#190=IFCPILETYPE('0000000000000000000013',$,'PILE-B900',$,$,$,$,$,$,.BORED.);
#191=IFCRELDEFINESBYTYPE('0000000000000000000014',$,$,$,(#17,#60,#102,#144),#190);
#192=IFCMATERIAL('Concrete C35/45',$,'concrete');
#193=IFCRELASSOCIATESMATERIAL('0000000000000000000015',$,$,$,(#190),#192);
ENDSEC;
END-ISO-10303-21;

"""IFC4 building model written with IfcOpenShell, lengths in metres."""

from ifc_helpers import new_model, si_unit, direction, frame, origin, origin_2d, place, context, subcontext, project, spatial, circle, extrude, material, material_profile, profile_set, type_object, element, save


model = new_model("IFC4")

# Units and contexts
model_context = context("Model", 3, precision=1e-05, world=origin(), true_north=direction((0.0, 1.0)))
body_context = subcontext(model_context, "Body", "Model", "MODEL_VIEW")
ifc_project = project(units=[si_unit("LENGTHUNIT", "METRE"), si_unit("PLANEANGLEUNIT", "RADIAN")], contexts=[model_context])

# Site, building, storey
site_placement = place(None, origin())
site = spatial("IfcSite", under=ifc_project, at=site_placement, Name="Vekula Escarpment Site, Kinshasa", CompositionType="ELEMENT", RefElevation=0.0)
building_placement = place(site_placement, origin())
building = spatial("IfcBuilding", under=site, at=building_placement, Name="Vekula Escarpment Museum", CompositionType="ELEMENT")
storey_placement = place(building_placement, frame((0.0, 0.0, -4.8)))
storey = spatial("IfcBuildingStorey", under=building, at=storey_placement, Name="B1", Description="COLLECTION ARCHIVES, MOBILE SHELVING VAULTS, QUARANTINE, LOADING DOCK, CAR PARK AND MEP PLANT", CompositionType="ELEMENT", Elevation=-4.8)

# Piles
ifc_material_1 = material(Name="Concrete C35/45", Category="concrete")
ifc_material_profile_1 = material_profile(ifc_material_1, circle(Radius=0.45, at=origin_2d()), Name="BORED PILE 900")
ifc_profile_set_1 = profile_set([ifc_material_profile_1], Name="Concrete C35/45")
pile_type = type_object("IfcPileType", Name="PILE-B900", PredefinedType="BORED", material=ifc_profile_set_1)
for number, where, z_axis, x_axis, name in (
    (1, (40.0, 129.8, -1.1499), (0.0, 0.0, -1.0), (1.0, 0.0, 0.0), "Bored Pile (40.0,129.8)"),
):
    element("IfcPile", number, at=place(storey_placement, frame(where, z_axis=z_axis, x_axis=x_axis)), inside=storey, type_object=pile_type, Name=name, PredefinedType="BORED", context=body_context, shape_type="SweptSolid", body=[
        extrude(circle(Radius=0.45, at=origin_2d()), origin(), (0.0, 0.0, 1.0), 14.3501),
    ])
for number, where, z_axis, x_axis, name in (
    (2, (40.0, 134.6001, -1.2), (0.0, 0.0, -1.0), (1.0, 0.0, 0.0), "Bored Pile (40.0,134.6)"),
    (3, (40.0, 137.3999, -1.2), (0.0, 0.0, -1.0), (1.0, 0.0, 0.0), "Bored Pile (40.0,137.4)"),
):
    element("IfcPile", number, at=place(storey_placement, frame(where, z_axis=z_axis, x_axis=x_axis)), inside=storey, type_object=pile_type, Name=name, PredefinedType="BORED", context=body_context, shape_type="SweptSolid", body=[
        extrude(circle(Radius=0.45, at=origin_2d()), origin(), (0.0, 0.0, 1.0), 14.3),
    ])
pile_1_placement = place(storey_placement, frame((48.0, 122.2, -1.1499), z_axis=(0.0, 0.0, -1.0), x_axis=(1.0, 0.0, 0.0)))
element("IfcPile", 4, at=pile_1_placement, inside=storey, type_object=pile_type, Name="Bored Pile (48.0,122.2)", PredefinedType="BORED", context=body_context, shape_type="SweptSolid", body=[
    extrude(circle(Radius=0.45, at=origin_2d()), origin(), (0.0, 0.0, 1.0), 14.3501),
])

───

:: YOUR TASK ::
Take the records above and copy them out exactly.

:: RESPONSE TO THE TASK ::
#190=IFCPILETYPE('0000000000000000000013',$,'PILE-B900',$,$,$,$,$,$,.BORED.);
#191=IFCRELDEFINESBYTYPE('0000000000000000000014',$,$,$,(#17,#60,#102,#144),#190);
#192=IFCMATERIAL('Concrete C35/45',$,'concrete');
#193=IFCRELASSOCIATESMATERIAL('0000000000000000000015',$,$,$,(#190),#192);
ENDSEC;
END-ISO-10303-21;

"""IFC4 building model written with IfcOpenShell, lengths in metres."""

from ifc_helpers import new_model, si_unit, direction, frame, origin, origin_2d, place, context, subcontext, project, spatial, circle, extrude, material, material_profile, profile_set, type_object, element, save


model = new_model("IFC4")

# Units and contexts
model_context = context("Model", 3, precision=1e-05, world=origin(), true_north=direction((0.0, 1.0)))
body_context = subcontext(model_context, "Body", "Model", "MODEL_VIEW")
ifc_project = project(units=[si_unit("LENGTHUNIT", "METRE"), si_unit("PLANEANGLEUNIT", "RADIAN")], contexts=[model_context])

# Site, building, storey
site_placement = place(None, origin())
site = spatial("IfcSite", under=ifc_project, at=site_placement, Name="Vekula Escarpment Site, Kinshasa", CompositionType="ELEMENT", RefElevation=0.0)
building_placement = place(site_placement, origin())
building = spatial("IfcBuilding", under=site, at=building_placement, Name="Vekula Escarpment Museum", CompositionType="ELEMENT")
storey_placement = place(building_placement, frame((0.0, 0.0, -4.8)))
storey = spatial("IfcBuildingStorey", under=building, at=storey_placement, Name="B1", Description="COLLECTION ARCHIVES, MOBILE SHELVING VAULTS, QUARANTINE, LOADING DOCK, CAR PARK AND MEP PLANT", CompositionType="ELEMENT", Elevation=-4.8)

# Piles
ifc_material_1 = material(Name="Concrete C35/45", Category="concrete")
ifc_material_profile_1 = material_profile(ifc_material_1, circle(Radius=0.45, at=origin_2d()), Name="BORED PILE 900")
ifc_profile_set_1 = profile_set([ifc_material_profile_1], Name="Concrete C35/45")
pile_type = type_object("IfcPileType", Name="PILE-B900", PredefinedType="BORED", material=ifc_profile_set_1)
for number, where, z_axis, x_axis, name in (
    (1, (40.0, 129.8, -1.1499), (0.0, 0.0, -1.0), (1.0, 0.0, 0.0), "Bored Pile (40.0,129.8)"),
):
    element("IfcPile", number, at=place(storey_placement, frame(where, z_axis=z_axis, x_axis=x_axis)), inside=storey, type_object=pile_type, Name=name, PredefinedType="BORED", context=body_context, shape_type="SweptSolid", body=[
        extrude(circle(Radius=0.45, at=origin_2d()), origin(), (0.0, 0.0, 1.0), 14.3501),
    ])
for number, where, z_axis, x_axis, name in (
    (2, (40.0, 134.6001, -1.2), (0.0, 0.0, -1.0), (1.0, 0.0, 0.0), "Bored Pile (40.0,134.6)"),
    (3, (40.0, 137.3999, -1.2), (0.0, 0.0, -1.0), (1.0, 0.0, 0.0), "Bored Pile (40.0,137.4)"),
):
    element("IfcPile", number, at=place(storey_placement, frame(where, z_axis=z_axis, x_axis=x_axis)), inside=storey, type_object=pile_type, Name=name, PredefinedType="BORED", context=body_context, shape_type="SweptSolid", body=[
        extrude(circle(Radius=0.45, at=origin_2d()), origin(), (0.0, 0.0, 1.0), 14.3),
    ])
pile_1_placement = place(storey_placement, frame((48.0, 122.2, -1.1499), z_axis=(0.0, 0.0, -1.0), x_axis=(1.0, 0.0, 0.0)))
element("IfcPile", 4, at=pile_1_placement, inside=storey, type_object=pile_type, Name="Bored Pile (48.0,122.2)", PredefinedType="BORED", context=body_context, shape_type="SweptSolid", body=[
    extrude(circle(Radius=0.45, at=origin_2d()), origin(), (0.0, 0.0, 1.0), 14.3501),
])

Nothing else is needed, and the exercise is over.